◆ TASK STATEMENT ◆
Your task is to copy each line of the records that includes the string "concrete".

GIVEN ENTRIES Start Marker

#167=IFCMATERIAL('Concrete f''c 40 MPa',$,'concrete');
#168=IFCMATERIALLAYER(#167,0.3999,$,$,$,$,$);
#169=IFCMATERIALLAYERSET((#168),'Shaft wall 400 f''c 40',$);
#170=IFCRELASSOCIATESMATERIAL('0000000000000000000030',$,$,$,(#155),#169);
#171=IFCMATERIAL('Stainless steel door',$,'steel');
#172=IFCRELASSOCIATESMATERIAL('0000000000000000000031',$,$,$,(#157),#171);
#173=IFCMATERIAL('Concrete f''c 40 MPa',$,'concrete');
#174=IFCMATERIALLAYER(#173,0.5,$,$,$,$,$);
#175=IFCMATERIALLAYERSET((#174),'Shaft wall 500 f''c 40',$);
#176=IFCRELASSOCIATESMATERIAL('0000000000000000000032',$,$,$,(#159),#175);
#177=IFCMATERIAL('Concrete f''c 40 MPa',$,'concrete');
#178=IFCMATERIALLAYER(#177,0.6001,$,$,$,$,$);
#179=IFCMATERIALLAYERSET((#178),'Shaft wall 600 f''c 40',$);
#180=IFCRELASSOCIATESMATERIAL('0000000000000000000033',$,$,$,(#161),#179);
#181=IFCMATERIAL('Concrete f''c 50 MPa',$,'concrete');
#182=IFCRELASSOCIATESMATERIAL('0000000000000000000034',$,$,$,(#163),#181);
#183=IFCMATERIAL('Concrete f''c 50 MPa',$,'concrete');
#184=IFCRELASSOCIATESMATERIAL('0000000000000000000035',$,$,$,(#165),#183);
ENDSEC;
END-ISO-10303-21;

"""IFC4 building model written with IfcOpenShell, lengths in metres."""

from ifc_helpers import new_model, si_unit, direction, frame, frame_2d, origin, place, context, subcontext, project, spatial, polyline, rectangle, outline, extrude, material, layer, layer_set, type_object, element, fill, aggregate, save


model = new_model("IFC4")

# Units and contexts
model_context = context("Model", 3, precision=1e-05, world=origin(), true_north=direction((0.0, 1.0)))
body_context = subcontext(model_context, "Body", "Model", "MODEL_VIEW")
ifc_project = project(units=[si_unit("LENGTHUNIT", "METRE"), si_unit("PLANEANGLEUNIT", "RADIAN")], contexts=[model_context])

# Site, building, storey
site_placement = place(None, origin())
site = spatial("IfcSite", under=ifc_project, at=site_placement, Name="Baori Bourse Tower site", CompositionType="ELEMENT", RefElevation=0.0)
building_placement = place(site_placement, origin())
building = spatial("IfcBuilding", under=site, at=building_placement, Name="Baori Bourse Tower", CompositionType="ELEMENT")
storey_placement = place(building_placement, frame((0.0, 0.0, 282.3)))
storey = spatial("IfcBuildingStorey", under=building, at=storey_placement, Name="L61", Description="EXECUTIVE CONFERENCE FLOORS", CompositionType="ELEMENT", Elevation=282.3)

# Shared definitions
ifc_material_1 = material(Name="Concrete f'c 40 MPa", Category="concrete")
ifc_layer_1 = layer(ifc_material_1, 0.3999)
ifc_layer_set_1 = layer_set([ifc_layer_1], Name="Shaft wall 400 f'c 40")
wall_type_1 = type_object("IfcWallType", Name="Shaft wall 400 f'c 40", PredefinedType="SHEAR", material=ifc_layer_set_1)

GIVEN ENTRIES End Marker

◆ ANSWER AREA ◆
#167=IFCMATERIAL('Concrete f''c 40 MPa',$,'concrete');
#173=IFCMATERIAL('Concrete f''c 40 MPa',$,'concrete');
#177=IFCMATERIAL('Concrete f''c 40 MPa',$,'concrete');
#181=IFCMATERIAL('Concrete f''c 50 MPa',$,'concrete');
#183=IFCMATERIAL('Concrete f''c 50 MPa',$,'concrete');
ifc_material_1 = material(Name="Concrete f'c 40 MPa", Category="concrete")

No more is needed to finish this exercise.